→ **Work item**: Using the data beneath, show every line that includes the word "Louvre".

→ **Supplied information**:
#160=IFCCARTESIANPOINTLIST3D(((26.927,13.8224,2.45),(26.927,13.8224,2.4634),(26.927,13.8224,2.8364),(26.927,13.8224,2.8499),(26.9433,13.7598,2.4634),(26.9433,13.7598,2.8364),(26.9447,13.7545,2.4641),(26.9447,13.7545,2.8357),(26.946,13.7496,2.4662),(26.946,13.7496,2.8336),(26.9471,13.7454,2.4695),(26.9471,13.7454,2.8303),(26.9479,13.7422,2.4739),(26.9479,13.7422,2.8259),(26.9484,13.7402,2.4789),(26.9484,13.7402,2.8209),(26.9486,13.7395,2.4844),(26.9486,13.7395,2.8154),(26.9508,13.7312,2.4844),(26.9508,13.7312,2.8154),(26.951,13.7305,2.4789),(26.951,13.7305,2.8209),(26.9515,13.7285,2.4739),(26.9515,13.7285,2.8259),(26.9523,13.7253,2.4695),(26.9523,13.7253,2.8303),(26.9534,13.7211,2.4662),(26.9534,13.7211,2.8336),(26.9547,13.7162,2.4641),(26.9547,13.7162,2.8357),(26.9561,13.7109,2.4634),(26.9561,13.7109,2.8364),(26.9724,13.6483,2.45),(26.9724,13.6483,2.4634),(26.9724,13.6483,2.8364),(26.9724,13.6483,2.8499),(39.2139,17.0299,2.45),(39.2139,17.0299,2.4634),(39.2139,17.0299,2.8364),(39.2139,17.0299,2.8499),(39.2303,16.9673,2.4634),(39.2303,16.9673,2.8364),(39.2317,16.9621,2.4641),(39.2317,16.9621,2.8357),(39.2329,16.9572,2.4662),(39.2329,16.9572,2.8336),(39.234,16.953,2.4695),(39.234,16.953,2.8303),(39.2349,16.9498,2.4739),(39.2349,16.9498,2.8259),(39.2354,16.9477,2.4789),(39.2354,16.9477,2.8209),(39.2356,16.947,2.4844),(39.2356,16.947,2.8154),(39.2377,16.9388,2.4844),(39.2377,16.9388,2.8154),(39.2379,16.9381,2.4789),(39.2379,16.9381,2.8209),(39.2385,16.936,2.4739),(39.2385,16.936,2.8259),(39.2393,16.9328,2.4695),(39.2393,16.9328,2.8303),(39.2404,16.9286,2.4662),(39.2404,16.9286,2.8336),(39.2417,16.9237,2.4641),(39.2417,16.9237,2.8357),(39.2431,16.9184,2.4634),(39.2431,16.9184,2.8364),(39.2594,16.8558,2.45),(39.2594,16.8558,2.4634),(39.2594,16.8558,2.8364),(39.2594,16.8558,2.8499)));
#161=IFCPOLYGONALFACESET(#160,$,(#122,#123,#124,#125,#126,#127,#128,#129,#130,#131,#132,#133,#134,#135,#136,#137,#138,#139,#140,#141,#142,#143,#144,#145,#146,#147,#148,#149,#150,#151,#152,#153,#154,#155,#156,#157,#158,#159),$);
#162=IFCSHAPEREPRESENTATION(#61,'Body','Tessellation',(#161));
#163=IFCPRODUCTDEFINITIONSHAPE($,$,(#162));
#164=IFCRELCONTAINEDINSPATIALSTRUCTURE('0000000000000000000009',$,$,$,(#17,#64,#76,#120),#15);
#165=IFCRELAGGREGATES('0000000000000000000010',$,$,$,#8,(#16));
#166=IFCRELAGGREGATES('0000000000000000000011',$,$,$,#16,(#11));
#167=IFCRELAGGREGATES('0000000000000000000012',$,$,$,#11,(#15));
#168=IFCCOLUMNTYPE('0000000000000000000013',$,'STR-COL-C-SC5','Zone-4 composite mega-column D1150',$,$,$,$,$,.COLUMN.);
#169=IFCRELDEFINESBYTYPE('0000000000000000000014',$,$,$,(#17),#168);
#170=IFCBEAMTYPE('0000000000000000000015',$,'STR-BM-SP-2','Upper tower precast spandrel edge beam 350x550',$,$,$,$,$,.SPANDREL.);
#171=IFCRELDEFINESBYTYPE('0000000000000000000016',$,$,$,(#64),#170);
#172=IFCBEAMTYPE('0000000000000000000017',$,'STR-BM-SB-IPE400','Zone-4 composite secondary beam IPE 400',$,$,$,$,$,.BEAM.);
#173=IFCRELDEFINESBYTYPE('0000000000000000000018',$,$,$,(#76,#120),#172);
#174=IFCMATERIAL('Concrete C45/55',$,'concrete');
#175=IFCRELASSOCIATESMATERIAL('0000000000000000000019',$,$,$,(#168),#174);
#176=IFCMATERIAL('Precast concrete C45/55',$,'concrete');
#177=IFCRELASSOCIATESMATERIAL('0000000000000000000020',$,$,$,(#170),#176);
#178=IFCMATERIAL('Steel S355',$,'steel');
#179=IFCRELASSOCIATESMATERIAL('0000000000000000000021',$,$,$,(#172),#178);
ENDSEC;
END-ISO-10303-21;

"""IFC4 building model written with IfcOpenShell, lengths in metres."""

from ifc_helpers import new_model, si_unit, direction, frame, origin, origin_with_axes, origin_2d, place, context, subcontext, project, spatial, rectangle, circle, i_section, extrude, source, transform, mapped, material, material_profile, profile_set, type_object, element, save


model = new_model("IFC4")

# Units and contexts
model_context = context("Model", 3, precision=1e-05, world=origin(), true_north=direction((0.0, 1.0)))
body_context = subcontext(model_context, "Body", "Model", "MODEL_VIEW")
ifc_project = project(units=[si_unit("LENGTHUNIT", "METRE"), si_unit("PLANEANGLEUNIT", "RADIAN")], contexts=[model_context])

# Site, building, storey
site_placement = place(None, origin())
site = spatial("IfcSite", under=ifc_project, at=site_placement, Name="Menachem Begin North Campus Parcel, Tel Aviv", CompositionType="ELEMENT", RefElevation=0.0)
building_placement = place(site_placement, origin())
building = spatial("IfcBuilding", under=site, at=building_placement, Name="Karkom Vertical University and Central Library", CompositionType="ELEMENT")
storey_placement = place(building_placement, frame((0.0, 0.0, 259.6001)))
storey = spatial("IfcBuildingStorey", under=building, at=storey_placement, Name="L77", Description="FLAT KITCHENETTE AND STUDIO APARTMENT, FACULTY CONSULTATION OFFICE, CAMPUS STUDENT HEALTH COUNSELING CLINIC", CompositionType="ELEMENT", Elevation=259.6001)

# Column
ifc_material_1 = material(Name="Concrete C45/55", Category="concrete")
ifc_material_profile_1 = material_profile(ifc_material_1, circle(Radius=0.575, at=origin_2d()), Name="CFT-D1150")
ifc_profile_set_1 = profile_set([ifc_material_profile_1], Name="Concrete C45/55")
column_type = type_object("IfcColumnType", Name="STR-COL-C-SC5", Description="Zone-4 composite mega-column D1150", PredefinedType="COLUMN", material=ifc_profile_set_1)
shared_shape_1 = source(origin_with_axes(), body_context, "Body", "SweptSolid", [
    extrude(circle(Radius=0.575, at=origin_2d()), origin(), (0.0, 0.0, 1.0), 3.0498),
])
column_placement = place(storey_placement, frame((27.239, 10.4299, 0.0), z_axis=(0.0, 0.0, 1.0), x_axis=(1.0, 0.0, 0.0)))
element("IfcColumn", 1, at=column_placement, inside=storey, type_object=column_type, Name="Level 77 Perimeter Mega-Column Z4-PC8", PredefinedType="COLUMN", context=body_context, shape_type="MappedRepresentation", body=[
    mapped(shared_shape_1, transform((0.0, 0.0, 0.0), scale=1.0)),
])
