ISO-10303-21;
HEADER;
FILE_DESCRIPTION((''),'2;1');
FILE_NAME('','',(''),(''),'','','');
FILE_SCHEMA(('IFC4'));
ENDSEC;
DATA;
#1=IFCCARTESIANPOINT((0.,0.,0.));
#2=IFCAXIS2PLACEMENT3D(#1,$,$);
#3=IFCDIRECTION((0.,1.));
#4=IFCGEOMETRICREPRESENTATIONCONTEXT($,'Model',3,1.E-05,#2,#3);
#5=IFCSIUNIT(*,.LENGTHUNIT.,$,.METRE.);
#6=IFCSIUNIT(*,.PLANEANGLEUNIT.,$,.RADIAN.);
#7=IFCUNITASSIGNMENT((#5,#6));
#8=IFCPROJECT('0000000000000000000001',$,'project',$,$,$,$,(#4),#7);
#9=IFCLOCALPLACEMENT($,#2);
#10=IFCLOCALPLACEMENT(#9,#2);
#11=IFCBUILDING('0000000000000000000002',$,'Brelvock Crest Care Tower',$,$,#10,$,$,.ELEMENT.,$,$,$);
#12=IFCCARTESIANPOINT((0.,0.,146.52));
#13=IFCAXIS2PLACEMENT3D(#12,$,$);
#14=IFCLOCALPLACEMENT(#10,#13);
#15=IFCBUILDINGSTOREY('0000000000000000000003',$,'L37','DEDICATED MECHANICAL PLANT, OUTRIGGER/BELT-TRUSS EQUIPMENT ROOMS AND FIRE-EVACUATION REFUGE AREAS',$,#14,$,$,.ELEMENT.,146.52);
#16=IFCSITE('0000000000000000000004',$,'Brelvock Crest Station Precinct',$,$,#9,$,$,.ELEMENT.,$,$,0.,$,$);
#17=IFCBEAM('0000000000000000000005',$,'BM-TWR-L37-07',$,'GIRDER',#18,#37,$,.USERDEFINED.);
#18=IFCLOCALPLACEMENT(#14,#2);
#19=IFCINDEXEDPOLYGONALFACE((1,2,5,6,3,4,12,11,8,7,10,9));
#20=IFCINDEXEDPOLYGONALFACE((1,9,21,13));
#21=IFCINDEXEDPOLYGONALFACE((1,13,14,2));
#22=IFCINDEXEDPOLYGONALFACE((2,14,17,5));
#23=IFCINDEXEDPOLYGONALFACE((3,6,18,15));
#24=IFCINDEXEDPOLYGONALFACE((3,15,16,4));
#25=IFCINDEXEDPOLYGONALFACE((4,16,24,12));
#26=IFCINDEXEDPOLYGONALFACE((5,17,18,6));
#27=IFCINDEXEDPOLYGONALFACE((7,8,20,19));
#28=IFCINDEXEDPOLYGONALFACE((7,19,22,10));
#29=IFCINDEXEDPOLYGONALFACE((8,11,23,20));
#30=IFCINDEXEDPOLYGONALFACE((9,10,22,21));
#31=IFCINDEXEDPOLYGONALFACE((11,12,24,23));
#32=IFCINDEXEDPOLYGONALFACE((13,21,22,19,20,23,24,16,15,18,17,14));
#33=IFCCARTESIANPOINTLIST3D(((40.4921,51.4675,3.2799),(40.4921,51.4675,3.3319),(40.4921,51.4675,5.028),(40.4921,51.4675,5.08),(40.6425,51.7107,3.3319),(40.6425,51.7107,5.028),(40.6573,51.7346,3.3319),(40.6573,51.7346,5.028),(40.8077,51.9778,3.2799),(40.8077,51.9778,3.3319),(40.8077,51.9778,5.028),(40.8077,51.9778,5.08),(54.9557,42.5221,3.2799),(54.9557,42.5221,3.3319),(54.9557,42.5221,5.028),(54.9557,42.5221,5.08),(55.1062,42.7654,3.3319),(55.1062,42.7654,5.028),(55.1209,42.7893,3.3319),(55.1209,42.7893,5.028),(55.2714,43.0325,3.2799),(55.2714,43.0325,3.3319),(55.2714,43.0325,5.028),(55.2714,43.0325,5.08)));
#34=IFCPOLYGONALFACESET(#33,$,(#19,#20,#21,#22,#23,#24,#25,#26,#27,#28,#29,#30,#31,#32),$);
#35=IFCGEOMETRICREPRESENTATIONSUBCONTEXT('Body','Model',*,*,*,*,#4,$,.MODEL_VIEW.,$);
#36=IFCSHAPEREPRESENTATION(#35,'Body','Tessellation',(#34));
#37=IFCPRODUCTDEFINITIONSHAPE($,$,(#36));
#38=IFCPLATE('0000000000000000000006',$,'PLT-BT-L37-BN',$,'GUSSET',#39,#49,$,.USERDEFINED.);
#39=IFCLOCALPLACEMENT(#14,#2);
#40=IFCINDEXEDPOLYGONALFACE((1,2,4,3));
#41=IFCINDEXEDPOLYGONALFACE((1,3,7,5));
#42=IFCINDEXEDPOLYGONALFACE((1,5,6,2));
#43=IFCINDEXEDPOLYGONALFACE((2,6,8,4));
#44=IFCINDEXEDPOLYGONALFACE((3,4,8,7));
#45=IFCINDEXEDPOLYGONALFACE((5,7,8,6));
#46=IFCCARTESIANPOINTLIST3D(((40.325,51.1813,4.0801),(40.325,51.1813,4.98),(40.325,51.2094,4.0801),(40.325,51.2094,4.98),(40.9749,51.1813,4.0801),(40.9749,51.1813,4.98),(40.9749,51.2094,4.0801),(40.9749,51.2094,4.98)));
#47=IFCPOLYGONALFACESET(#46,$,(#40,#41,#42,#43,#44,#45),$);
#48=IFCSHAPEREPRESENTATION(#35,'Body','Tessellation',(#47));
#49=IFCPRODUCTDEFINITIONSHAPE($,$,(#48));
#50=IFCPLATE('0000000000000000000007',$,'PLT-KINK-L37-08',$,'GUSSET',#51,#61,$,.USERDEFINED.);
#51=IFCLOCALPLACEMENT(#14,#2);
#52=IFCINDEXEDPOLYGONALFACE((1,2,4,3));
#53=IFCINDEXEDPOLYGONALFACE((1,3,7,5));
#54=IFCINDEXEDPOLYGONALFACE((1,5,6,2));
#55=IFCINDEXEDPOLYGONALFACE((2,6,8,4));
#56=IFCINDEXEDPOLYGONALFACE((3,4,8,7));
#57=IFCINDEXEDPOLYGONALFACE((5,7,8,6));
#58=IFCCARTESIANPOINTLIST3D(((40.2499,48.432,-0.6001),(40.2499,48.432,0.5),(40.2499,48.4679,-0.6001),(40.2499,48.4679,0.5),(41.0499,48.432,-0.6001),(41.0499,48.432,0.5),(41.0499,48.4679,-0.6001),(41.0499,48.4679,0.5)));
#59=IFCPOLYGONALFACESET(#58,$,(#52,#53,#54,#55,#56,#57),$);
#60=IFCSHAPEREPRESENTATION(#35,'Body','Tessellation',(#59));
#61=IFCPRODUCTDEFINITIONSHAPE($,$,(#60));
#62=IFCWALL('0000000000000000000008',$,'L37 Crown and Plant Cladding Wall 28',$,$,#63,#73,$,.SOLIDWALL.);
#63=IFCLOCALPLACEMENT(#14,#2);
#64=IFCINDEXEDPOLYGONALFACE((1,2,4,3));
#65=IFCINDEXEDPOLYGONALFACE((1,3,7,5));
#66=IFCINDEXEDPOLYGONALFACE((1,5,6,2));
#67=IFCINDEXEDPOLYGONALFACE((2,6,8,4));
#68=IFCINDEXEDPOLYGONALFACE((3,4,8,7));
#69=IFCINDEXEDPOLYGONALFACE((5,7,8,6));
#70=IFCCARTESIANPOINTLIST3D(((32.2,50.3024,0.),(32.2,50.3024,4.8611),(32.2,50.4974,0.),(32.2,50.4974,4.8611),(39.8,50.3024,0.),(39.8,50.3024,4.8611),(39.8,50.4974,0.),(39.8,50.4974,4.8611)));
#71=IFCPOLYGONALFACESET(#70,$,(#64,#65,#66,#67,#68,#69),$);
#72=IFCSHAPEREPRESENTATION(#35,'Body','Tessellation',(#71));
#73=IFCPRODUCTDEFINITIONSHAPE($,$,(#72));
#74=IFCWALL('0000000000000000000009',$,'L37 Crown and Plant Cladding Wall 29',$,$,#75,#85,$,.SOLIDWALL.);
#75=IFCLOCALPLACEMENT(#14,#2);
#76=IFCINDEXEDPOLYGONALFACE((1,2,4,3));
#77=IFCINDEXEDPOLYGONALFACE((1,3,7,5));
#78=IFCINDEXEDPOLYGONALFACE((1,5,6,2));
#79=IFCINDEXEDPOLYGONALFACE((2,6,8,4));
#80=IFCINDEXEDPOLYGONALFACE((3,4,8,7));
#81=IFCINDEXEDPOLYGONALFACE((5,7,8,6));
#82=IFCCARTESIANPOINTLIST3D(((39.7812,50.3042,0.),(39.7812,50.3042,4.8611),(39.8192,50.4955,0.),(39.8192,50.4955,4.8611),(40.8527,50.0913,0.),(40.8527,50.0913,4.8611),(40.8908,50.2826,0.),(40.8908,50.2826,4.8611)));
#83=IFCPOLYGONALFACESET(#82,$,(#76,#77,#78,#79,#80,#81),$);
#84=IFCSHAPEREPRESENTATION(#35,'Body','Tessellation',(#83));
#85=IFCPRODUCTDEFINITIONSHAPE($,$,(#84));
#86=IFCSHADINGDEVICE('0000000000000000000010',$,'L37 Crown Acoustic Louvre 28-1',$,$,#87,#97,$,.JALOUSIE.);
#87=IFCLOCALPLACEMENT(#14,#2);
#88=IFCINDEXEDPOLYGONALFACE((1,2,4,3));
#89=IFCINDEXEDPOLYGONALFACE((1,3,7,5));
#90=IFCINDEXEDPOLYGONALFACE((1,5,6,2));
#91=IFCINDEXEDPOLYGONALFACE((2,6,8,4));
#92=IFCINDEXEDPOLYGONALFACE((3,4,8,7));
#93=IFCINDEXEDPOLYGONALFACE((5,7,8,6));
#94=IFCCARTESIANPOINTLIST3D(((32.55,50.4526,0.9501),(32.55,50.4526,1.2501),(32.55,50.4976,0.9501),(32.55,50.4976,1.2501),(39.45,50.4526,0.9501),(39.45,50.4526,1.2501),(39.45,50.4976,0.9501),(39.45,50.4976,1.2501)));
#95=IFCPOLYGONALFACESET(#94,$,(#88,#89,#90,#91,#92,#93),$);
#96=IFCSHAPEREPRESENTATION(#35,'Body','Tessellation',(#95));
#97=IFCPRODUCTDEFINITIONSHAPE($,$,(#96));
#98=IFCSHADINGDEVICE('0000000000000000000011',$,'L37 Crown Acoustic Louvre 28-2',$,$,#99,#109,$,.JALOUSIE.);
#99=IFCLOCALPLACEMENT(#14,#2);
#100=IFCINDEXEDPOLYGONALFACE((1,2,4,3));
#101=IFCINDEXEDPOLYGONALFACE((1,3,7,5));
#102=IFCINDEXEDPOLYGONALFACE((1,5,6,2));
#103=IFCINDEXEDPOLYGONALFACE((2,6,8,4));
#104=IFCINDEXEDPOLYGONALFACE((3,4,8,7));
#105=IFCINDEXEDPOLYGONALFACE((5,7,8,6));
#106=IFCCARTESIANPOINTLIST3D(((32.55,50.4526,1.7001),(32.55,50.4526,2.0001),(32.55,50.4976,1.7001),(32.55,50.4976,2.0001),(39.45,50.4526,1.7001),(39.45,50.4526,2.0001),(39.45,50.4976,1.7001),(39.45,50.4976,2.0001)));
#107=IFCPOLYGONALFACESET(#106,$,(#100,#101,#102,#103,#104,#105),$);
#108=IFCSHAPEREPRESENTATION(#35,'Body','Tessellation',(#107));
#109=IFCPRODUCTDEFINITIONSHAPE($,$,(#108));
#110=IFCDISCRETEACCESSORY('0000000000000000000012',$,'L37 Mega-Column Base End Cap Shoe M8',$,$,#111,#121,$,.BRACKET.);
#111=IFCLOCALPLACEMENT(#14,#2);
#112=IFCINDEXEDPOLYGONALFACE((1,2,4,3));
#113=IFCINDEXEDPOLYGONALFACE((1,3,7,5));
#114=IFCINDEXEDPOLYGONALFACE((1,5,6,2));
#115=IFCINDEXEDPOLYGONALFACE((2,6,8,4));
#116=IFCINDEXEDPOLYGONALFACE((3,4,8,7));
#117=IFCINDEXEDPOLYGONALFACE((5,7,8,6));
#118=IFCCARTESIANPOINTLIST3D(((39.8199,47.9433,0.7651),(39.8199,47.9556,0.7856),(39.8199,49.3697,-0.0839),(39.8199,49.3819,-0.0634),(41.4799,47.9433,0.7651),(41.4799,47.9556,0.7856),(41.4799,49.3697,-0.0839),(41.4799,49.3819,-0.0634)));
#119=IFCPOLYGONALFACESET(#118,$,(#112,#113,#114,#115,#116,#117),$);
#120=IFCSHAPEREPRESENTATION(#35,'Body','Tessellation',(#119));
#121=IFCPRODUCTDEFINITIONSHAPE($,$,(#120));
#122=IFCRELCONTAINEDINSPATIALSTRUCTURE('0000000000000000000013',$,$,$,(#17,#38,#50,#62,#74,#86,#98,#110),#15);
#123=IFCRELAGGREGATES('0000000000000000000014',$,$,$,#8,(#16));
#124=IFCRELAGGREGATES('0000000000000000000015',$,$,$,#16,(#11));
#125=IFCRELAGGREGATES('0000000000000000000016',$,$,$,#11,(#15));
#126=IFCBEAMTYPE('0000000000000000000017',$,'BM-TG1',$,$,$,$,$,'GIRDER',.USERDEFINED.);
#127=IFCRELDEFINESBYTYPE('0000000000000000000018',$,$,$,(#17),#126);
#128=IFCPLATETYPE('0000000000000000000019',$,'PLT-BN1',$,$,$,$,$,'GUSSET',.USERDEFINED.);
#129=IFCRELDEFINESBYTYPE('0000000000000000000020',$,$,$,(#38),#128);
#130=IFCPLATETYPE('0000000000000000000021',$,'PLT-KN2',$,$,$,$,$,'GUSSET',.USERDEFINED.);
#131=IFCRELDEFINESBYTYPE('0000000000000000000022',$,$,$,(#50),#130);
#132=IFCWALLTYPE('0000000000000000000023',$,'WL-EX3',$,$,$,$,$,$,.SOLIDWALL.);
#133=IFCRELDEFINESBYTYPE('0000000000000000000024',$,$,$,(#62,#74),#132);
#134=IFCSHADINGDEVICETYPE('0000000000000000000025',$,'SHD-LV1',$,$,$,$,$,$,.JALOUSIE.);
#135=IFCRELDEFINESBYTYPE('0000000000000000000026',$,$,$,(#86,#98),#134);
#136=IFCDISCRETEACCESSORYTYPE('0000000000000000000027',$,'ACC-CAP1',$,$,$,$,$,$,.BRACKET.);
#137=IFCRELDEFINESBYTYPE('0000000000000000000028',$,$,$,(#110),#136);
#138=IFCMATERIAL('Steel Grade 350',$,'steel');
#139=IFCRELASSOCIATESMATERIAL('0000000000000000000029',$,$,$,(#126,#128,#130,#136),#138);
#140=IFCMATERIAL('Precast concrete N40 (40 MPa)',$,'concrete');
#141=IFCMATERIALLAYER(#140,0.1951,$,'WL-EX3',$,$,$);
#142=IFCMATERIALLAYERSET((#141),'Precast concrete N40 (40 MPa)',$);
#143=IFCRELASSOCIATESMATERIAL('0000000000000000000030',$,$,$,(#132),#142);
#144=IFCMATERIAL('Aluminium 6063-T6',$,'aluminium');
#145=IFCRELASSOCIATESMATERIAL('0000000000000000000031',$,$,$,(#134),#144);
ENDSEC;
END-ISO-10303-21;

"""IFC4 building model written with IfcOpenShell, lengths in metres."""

from ifc_helpers import new_model, si_unit, direction, frame, frame_2d, origin, origin_2d, place, context, subcontext, project, spatial, rectangle, i_section, extrude, source, transform, mapped, material, layer, layer_set, material_profile, profile_set, type_object, element, save


model = new_model("IFC4")

# Units and contexts
model_context = context("Model", 3, precision=1e-05, world=origin(), true_north=direction((0.0, 1.0)))
body_context = subcontext(model_context, "Body", "Model", "MODEL_VIEW")
ifc_project = project(units=[si_unit("LENGTHUNIT", "METRE"), si_unit("PLANEANGLEUNIT", "RADIAN")], contexts=[model_context])

# Site, building, storey
site_placement = place(None, origin())
site = spatial("IfcSite", under=ifc_project, at=site_placement, Name="Brelvock Crest Station Precinct", CompositionType="ELEMENT", RefElevation=0.0)
building_placement = place(site_placement, origin())
building = spatial("IfcBuilding", under=site, at=building_placement, Name="Brelvock Crest Care Tower", CompositionType="ELEMENT")
storey_placement = place(building_placement, frame((0.0, 0.0, 146.52)))
storey = spatial("IfcBuildingStorey", under=building, at=storey_placement, Name="L37", Description="DEDICATED MECHANICAL PLANT, OUTRIGGER/BELT-TRUSS EQUIPMENT ROOMS AND FIRE-EVACUATION REFUGE AREAS", CompositionType="ELEMENT", Elevation=146.52)

# Shared definitions
ifc_material_1 = material(Name="Steel Grade 350", Category="steel")

# Beam
ifc_material_profile_1 = material_profile(ifc_material_1, i_section(OverallWidth=0.6001, OverallDepth=1.8, WebThickness=0.0281, FlangeThickness=0.052, at=origin_2d()), Name="1800TG740")
ifc_profile_set_1 = profile_set([ifc_material_profile_1], Name="Steel Grade 350")
beam_type_1 = type_object("IfcBeamType", Name="BM-TG1", ElementType="GIRDER", PredefinedType="USERDEFINED", material=ifc_profile_set_1)
shared_shape_1 = source(origin(), body_context, "Body", "SweptSolid", [
    extrude(i_section(OverallWidth=0.6001, OverallDepth=1.8, WebThickness=0.0281, FlangeThickness=0.052, at=origin_2d()), origin(), (0.0, 0.0, 1.0), 17.0063),
])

→ **Solution to the problem**:
#86=IFCSHADINGDEVICE('0000000000000000000010',$,'L37 Crown Acoustic Louvre 28-1',$,$,#87,#97,$,.JALOUSIE.);
#98=IFCSHADINGDEVICE('0000000000000000000011',$,'L37 Crown Acoustic Louvre 28-2',$,$,#99,#109,$,.JALOUSIE.);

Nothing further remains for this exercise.